Look through the records below for the line holding "#201=IFCMATERIALLAYER(#200,0.1001,$,$,$,$,$);". Write it out exactly, with each following line through the line holding "#208=IFCMATERIALLAYERSET((#207),'Concrete blockwork',$);".

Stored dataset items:
====

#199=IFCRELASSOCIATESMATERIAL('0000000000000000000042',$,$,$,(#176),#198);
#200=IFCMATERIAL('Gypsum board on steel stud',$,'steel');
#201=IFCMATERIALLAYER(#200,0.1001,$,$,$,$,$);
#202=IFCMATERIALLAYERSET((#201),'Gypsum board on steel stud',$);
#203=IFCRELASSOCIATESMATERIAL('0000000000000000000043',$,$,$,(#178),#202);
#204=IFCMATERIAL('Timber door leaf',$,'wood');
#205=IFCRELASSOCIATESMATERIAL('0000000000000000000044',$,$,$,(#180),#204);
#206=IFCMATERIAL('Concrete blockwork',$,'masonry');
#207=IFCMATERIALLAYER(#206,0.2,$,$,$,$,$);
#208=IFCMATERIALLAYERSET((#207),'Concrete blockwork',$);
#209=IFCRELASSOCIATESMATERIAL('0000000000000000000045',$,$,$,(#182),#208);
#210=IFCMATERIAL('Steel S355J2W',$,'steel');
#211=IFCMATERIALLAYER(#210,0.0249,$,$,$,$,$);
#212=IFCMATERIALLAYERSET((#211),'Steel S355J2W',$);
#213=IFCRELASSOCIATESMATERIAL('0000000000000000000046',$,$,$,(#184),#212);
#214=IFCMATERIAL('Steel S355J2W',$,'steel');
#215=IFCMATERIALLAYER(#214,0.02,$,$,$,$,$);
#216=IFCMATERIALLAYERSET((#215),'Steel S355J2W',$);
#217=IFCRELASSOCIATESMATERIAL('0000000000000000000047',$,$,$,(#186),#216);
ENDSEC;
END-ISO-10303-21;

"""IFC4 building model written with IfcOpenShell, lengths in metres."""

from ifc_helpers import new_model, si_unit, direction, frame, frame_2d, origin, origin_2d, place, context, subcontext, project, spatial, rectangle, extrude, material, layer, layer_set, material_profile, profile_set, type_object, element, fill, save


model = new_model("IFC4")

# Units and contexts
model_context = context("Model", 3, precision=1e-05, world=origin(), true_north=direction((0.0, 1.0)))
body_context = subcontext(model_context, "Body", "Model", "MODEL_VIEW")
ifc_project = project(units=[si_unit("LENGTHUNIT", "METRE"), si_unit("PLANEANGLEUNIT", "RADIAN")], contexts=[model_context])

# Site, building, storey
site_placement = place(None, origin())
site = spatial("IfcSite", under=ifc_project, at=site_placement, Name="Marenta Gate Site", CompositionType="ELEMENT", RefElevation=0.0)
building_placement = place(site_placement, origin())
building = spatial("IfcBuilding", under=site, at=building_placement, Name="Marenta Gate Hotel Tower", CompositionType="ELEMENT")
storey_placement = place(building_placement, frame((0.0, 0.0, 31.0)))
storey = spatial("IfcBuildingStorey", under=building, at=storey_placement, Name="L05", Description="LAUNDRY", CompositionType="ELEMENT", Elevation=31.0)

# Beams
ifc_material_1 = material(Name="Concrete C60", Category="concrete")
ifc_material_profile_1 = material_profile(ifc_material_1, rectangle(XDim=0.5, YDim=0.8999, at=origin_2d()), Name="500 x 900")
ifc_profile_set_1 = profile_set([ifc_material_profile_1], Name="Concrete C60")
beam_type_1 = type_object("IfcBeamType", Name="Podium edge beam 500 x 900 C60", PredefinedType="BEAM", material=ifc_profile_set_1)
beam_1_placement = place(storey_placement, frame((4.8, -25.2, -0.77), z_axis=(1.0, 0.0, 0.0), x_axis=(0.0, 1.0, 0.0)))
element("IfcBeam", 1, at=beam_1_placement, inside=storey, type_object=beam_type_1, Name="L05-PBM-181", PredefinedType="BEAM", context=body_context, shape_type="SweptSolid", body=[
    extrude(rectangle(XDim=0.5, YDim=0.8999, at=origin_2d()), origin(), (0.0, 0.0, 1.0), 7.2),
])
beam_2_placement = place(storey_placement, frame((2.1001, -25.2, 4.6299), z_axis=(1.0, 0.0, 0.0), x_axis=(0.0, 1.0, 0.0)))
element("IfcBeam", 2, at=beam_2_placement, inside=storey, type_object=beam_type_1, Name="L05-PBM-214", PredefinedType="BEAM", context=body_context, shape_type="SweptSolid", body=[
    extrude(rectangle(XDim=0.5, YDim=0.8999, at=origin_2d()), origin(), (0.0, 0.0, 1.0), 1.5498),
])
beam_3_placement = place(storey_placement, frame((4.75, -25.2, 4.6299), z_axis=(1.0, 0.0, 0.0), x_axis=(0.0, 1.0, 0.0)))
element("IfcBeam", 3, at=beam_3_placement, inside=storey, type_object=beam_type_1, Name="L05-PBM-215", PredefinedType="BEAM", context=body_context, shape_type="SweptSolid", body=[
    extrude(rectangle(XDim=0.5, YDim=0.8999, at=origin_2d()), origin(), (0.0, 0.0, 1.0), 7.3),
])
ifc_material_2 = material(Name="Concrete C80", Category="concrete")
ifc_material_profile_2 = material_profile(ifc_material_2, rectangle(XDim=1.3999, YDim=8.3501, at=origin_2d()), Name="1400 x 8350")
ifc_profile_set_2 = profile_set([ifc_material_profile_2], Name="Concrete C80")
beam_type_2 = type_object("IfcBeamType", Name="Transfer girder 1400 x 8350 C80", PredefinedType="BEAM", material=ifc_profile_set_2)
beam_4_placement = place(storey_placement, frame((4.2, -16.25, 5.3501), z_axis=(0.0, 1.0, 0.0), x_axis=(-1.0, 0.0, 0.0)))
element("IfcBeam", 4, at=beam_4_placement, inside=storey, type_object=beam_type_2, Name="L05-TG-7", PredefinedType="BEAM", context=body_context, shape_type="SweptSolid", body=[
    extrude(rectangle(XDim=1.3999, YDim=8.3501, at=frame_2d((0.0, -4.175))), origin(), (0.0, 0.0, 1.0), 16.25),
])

====

### EXERCISE SOLUTION:
#201=IFCMATERIALLAYER(#200,0.1001,$,$,$,$,$);
#202=IFCMATERIALLAYERSET((#201),'Gypsum board on steel stud',$);
#203=IFCRELASSOCIATESMATERIAL('0000000000000000000043',$,$,$,(#178),#202);
#204=IFCMATERIAL('Timber door leaf',$,'wood');
#205=IFCRELASSOCIATESMATERIAL('0000000000000000000044',$,$,$,(#180),#204);
#206=IFCMATERIAL('Concrete blockwork',$,'masonry');
#207=IFCMATERIALLAYER(#206,0.2,$,$,$,$,$);
#208=IFCMATERIALLAYERSET((#207),'Concrete blockwork',$);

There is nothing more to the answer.